■ **YOUR OBJECTIVE**
Each line from the one containing "L00 X girder" to the end of the entries below must be restated exactly, and no other line should appear.

(INPUT Opens)

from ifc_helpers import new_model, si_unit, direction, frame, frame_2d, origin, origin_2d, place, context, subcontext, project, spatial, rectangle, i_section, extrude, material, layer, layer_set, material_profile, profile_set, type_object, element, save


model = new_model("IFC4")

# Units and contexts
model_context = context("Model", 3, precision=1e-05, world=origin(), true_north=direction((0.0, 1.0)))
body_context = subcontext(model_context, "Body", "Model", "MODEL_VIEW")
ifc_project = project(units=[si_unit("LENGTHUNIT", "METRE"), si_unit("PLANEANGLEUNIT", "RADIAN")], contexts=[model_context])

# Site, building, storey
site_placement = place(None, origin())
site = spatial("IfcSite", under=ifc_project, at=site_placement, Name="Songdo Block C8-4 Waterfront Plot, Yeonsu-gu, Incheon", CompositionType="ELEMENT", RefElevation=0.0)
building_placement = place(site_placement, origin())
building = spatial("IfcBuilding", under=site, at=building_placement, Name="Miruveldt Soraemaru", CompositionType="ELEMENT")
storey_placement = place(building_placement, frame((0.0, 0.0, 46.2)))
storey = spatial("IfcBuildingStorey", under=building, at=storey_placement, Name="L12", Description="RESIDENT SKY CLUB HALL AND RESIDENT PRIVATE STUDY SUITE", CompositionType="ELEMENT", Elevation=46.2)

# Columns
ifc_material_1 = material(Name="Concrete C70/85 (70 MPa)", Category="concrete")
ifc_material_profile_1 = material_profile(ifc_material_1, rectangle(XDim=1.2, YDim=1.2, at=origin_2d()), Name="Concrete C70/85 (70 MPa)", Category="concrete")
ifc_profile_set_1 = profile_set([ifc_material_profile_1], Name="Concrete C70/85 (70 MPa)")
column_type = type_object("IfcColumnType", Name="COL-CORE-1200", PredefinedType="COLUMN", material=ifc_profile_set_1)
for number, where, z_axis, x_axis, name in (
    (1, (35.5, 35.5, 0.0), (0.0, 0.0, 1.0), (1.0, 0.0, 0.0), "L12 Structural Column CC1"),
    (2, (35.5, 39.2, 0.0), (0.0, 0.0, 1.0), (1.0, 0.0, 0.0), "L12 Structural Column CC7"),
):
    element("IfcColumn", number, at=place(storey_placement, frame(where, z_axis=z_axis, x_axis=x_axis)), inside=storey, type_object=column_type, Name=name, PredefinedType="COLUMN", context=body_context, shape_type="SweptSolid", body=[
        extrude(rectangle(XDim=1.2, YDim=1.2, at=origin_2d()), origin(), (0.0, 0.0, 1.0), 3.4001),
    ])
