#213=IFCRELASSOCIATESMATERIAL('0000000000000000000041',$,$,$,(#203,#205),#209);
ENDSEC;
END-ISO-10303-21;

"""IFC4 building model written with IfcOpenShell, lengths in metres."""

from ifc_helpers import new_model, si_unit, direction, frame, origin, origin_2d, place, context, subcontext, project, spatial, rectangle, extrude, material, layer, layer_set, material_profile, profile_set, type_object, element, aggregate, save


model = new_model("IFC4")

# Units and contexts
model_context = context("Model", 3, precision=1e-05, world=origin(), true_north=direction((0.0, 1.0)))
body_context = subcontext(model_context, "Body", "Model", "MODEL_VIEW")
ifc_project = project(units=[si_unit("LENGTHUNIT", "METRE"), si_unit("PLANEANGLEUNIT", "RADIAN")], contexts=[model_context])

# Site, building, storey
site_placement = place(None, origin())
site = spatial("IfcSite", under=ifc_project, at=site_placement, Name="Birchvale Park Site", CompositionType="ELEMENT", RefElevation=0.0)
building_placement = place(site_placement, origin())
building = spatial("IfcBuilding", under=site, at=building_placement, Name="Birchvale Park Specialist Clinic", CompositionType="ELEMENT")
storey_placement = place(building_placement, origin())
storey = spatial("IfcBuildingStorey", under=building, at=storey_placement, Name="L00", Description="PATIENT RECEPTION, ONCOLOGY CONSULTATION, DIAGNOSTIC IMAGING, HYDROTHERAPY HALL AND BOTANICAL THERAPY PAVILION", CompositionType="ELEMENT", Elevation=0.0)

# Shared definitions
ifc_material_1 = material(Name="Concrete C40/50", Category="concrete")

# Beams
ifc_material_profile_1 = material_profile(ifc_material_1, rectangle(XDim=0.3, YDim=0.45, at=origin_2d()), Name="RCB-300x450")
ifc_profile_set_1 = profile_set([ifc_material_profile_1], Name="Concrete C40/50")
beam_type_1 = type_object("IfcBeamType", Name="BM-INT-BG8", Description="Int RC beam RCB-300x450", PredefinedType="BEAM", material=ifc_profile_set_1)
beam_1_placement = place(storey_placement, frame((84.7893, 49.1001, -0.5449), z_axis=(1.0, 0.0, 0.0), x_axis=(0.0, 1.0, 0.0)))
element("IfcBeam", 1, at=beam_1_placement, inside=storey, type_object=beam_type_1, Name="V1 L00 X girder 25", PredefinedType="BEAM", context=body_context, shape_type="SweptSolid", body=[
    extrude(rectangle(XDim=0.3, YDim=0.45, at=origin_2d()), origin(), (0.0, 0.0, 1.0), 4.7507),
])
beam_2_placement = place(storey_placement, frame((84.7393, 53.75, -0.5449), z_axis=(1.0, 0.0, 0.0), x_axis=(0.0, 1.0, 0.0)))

(INPUT Closes)

■ **RESPONSE TO THIS TASK**
element("IfcBeam", 1, at=beam_1_placement, inside=storey, type_object=beam_type_1, Name="V1 L00 X girder 25", PredefinedType="BEAM", context=body_context, shape_type="SweptSolid", body=[
    extrude(rectangle(XDim=0.3, YDim=0.45, at=origin_2d()), origin(), (0.0, 0.0, 1.0), 4.7507),
])
beam_2_placement = place(storey_placement, frame((84.7393, 53.75, -0.5449), z_axis=(1.0, 0.0, 0.0), x_axis=(0.0, 1.0, 0.0)))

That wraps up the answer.